*Your goal*
Reproduce each entry exactly as written.

Saved entries
──────────────────────────────

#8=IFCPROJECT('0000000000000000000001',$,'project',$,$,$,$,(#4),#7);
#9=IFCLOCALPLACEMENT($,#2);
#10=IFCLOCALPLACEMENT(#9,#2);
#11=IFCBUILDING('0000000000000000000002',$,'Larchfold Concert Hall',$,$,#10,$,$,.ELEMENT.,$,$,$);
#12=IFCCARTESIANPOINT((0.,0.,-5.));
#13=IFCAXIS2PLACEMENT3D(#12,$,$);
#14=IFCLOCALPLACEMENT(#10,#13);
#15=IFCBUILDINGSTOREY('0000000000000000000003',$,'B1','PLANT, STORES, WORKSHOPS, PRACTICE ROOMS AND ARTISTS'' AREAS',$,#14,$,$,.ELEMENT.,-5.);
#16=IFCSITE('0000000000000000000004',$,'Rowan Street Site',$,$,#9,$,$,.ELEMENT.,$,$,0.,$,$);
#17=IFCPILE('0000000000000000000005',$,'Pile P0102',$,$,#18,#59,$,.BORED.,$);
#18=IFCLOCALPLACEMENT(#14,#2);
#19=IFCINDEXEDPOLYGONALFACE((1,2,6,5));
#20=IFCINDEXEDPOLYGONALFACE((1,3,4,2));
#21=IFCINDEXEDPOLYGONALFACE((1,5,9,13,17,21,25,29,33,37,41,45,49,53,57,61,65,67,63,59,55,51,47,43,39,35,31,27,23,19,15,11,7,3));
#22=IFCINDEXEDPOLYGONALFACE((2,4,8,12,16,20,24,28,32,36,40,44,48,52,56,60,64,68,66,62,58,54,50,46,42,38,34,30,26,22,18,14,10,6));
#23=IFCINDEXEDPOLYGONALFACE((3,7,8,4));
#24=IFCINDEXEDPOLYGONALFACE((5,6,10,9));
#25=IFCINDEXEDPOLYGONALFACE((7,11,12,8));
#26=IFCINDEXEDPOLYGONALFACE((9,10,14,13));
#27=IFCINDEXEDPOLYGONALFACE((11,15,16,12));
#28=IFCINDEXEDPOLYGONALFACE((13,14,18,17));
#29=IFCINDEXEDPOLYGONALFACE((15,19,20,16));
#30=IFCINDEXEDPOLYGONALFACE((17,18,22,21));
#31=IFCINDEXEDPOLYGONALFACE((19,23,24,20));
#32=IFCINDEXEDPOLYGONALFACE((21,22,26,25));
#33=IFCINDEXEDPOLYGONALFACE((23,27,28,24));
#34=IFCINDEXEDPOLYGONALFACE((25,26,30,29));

──────────────────────────────

*Output of the task*
#8=IFCPROJECT('0000000000000000000001',$,'project',$,$,$,$,(#4),#7);
#9=IFCLOCALPLACEMENT($,#2);
#10=IFCLOCALPLACEMENT(#9,#2);
#11=IFCBUILDING('0000000000000000000002',$,'Larchfold Concert Hall',$,$,#10,$,$,.ELEMENT.,$,$,$);
#12=IFCCARTESIANPOINT((0.,0.,-5.));
#13=IFCAXIS2PLACEMENT3D(#12,$,$);
#14=IFCLOCALPLACEMENT(#10,#13);
#15=IFCBUILDINGSTOREY('0000000000000000000003',$,'B1','PLANT, STORES, WORKSHOPS, PRACTICE ROOMS AND ARTISTS'' AREAS',$,#14,$,$,.ELEMENT.,-5.);
#16=IFCSITE('0000000000000000000004',$,'Rowan Street Site',$,$,#9,$,$,.ELEMENT.,$,$,0.,$,$);
#17=IFCPILE('0000000000000000000005',$,'Pile P0102',$,$,#18,#59,$,.BORED.,$);
#18=IFCLOCALPLACEMENT(#14,#2);
#19=IFCINDEXEDPOLYGONALFACE((1,2,6,5));
#20=IFCINDEXEDPOLYGONALFACE((1,3,4,2));
#21=IFCINDEXEDPOLYGONALFACE((1,5,9,13,17,21,25,29,33,37,41,45,49,53,57,61,65,67,63,59,55,51,47,43,39,35,31,27,23,19,15,11,7,3));
#22=IFCINDEXEDPOLYGONALFACE((2,4,8,12,16,20,24,28,32,36,40,44,48,52,56,60,64,68,66,62,58,54,50,46,42,38,34,30,26,22,18,14,10,6));
#23=IFCINDEXEDPOLYGONALFACE((3,7,8,4));
#24=IFCINDEXEDPOLYGONALFACE((5,6,10,9));
#25=IFCINDEXEDPOLYGONALFACE((7,11,12,8));
#26=IFCINDEXEDPOLYGONALFACE((9,10,14,13));
#27=IFCINDEXEDPOLYGONALFACE((11,15,16,12));
#28=IFCINDEXEDPOLYGONALFACE((13,14,18,17));
#29=IFCINDEXEDPOLYGONALFACE((15,19,20,16));
#30=IFCINDEXEDPOLYGONALFACE((17,18,22,21));
#31=IFCINDEXEDPOLYGONALFACE((19,23,24,20));
#32=IFCINDEXEDPOLYGONALFACE((21,22,26,25));
#33=IFCINDEXEDPOLYGONALFACE((23,27,28,24));
#34=IFCINDEXEDPOLYGONALFACE((25,26,30,29));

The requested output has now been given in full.